ABOUT THIS TASK >>
Every record that follows must be returned word for word.
** Opening MATERIAL SUPPLIED block **
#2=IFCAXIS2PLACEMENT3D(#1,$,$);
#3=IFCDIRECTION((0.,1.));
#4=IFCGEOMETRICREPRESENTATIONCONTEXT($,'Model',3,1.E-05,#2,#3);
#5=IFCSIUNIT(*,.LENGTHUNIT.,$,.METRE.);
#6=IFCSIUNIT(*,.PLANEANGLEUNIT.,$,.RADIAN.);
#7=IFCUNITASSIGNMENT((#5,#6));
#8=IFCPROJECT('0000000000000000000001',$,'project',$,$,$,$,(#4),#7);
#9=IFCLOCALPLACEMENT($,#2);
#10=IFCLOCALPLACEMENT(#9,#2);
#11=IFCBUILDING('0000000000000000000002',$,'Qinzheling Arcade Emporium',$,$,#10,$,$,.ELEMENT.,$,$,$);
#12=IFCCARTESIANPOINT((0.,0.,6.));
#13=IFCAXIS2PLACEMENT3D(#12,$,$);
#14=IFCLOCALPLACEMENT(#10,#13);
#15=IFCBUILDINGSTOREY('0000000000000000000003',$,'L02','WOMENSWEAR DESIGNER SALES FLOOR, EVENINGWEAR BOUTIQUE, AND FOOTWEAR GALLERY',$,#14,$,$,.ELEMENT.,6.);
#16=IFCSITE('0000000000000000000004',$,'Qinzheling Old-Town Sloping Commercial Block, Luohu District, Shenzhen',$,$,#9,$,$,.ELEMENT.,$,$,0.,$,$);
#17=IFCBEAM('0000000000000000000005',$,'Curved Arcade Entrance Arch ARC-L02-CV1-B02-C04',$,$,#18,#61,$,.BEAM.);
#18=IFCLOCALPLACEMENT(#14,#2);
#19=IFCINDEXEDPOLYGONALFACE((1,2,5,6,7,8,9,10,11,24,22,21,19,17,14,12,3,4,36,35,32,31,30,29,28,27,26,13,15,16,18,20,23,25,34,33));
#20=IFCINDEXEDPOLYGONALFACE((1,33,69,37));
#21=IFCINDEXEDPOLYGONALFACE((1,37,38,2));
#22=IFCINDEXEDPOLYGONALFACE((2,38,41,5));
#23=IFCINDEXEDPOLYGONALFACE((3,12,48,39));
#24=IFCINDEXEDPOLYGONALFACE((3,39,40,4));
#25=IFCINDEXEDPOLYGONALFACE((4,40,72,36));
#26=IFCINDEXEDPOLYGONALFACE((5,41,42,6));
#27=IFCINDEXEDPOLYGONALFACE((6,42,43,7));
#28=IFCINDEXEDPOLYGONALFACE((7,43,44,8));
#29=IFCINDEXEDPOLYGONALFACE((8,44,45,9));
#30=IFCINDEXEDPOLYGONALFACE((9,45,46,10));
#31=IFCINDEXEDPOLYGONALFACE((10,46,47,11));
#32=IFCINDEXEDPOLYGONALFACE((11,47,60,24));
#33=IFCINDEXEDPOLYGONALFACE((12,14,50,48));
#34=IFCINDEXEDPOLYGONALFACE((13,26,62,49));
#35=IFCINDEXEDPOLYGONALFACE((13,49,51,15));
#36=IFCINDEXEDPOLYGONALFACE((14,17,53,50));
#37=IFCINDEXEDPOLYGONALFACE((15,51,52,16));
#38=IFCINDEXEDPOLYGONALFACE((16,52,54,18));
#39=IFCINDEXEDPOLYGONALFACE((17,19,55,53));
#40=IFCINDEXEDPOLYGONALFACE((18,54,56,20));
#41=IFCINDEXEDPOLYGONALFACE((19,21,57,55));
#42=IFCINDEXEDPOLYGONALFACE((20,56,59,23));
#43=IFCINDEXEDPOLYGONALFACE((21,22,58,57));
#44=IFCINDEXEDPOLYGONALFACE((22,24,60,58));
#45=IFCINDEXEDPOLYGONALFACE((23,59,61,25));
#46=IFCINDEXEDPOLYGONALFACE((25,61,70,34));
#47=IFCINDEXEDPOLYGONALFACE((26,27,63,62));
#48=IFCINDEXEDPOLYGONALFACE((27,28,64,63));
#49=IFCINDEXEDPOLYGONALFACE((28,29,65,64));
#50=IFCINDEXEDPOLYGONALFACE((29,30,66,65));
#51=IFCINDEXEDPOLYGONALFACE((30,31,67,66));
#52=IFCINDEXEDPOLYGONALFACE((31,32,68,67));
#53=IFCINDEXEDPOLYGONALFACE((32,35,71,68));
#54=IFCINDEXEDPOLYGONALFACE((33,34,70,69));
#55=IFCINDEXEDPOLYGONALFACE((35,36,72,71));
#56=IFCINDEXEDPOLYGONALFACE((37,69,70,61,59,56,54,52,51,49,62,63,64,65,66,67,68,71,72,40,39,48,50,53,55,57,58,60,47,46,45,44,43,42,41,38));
** Closing MATERIAL SUPPLIED block **
THE ANSWER >>
#2=IFCAXIS2PLACEMENT3D(#1,$,$);
#3=IFCDIRECTION((0.,1.));
#4=IFCGEOMETRICREPRESENTATIONCONTEXT($,'Model',3,1.E-05,#2,#3);
#5=IFCSIUNIT(*,.LENGTHUNIT.,$,.METRE.);
#6=IFCSIUNIT(*,.PLANEANGLEUNIT.,$,.RADIAN.);
#7=IFCUNITASSIGNMENT((#5,#6));
#8=IFCPROJECT('0000000000000000000001',$,'project',$,$,$,$,(#4),#7);
#9=IFCLOCALPLACEMENT($,#2);
#10=IFCLOCALPLACEMENT(#9,#2);
#11=IFCBUILDING('0000000000000000000002',$,'Qinzheling Arcade Emporium',$,$,#10,$,$,.ELEMENT.,$,$,$);
#12=IFCCARTESIANPOINT((0.,0.,6.));
#13=IFCAXIS2PLACEMENT3D(#12,$,$);
#14=IFCLOCALPLACEMENT(#10,#13);
#15=IFCBUILDINGSTOREY('0000000000000000000003',$,'L02','WOMENSWEAR DESIGNER SALES FLOOR, EVENINGWEAR BOUTIQUE, AND FOOTWEAR GALLERY',$,#14,$,$,.ELEMENT.,6.);
#16=IFCSITE('0000000000000000000004',$,'Qinzheling Old-Town Sloping Commercial Block, Luohu District, Shenzhen',$,$,#9,$,$,.ELEMENT.,$,$,0.,$,$);
#17=IFCBEAM('0000000000000000000005',$,'Curved Arcade Entrance Arch ARC-L02-CV1-B02-C04',$,$,#18,#61,$,.BEAM.);
#18=IFCLOCALPLACEMENT(#14,#2);
#19=IFCINDEXEDPOLYGONALFACE((1,2,5,6,7,8,9,10,11,24,22,21,19,17,14,12,3,4,36,35,32,31,30,29,28,27,26,13,15,16,18,20,23,25,34,33));
#20=IFCINDEXEDPOLYGONALFACE((1,33,69,37));
#21=IFCINDEXEDPOLYGONALFACE((1,37,38,2));
#22=IFCINDEXEDPOLYGONALFACE((2,38,41,5));
#23=IFCINDEXEDPOLYGONALFACE((3,12,48,39));
#24=IFCINDEXEDPOLYGONALFACE((3,39,40,4));
#25=IFCINDEXEDPOLYGONALFACE((4,40,72,36));
#26=IFCINDEXEDPOLYGONALFACE((5,41,42,6));
#27=IFCINDEXEDPOLYGONALFACE((6,42,43,7));
#28=IFCINDEXEDPOLYGONALFACE((7,43,44,8));
#29=IFCINDEXEDPOLYGONALFACE((8,44,45,9));
#30=IFCINDEXEDPOLYGONALFACE((9,45,46,10));
#31=IFCINDEXEDPOLYGONALFACE((10,46,47,11));
#32=IFCINDEXEDPOLYGONALFACE((11,47,60,24));
#33=IFCINDEXEDPOLYGONALFACE((12,14,50,48));
#34=IFCINDEXEDPOLYGONALFACE((13,26,62,49));
#35=IFCINDEXEDPOLYGONALFACE((13,49,51,15));
#36=IFCINDEXEDPOLYGONALFACE((14,17,53,50));
#37=IFCINDEXEDPOLYGONALFACE((15,51,52,16));
#38=IFCINDEXEDPOLYGONALFACE((16,52,54,18));
#39=IFCINDEXEDPOLYGONALFACE((17,19,55,53));
#40=IFCINDEXEDPOLYGONALFACE((18,54,56,20));
#41=IFCINDEXEDPOLYGONALFACE((19,21,57,55));
#42=IFCINDEXEDPOLYGONALFACE((20,56,59,23));
#43=IFCINDEXEDPOLYGONALFACE((21,22,58,57));
#44=IFCINDEXEDPOLYGONALFACE((22,24,60,58));
#45=IFCINDEXEDPOLYGONALFACE((23,59,61,25));
#46=IFCINDEXEDPOLYGONALFACE((25,61,70,34));
#47=IFCINDEXEDPOLYGONALFACE((26,27,63,62));
#48=IFCINDEXEDPOLYGONALFACE((27,28,64,63));
#49=IFCINDEXEDPOLYGONALFACE((28,29,65,64));
#50=IFCINDEXEDPOLYGONALFACE((29,30,66,65));
#51=IFCINDEXEDPOLYGONALFACE((30,31,67,66));
#52=IFCINDEXEDPOLYGONALFACE((31,32,68,67));
#53=IFCINDEXEDPOLYGONALFACE((32,35,71,68));
#54=IFCINDEXEDPOLYGONALFACE((33,34,70,69));
#55=IFCINDEXEDPOLYGONALFACE((35,36,72,71));
#56=IFCINDEXEDPOLYGONALFACE((37,69,70,61,59,56,54,52,51,49,62,63,64,65,66,67,68,71,72,40,39,48,50,53,55,57,58,60,47,46,45,44,43,42,41,38));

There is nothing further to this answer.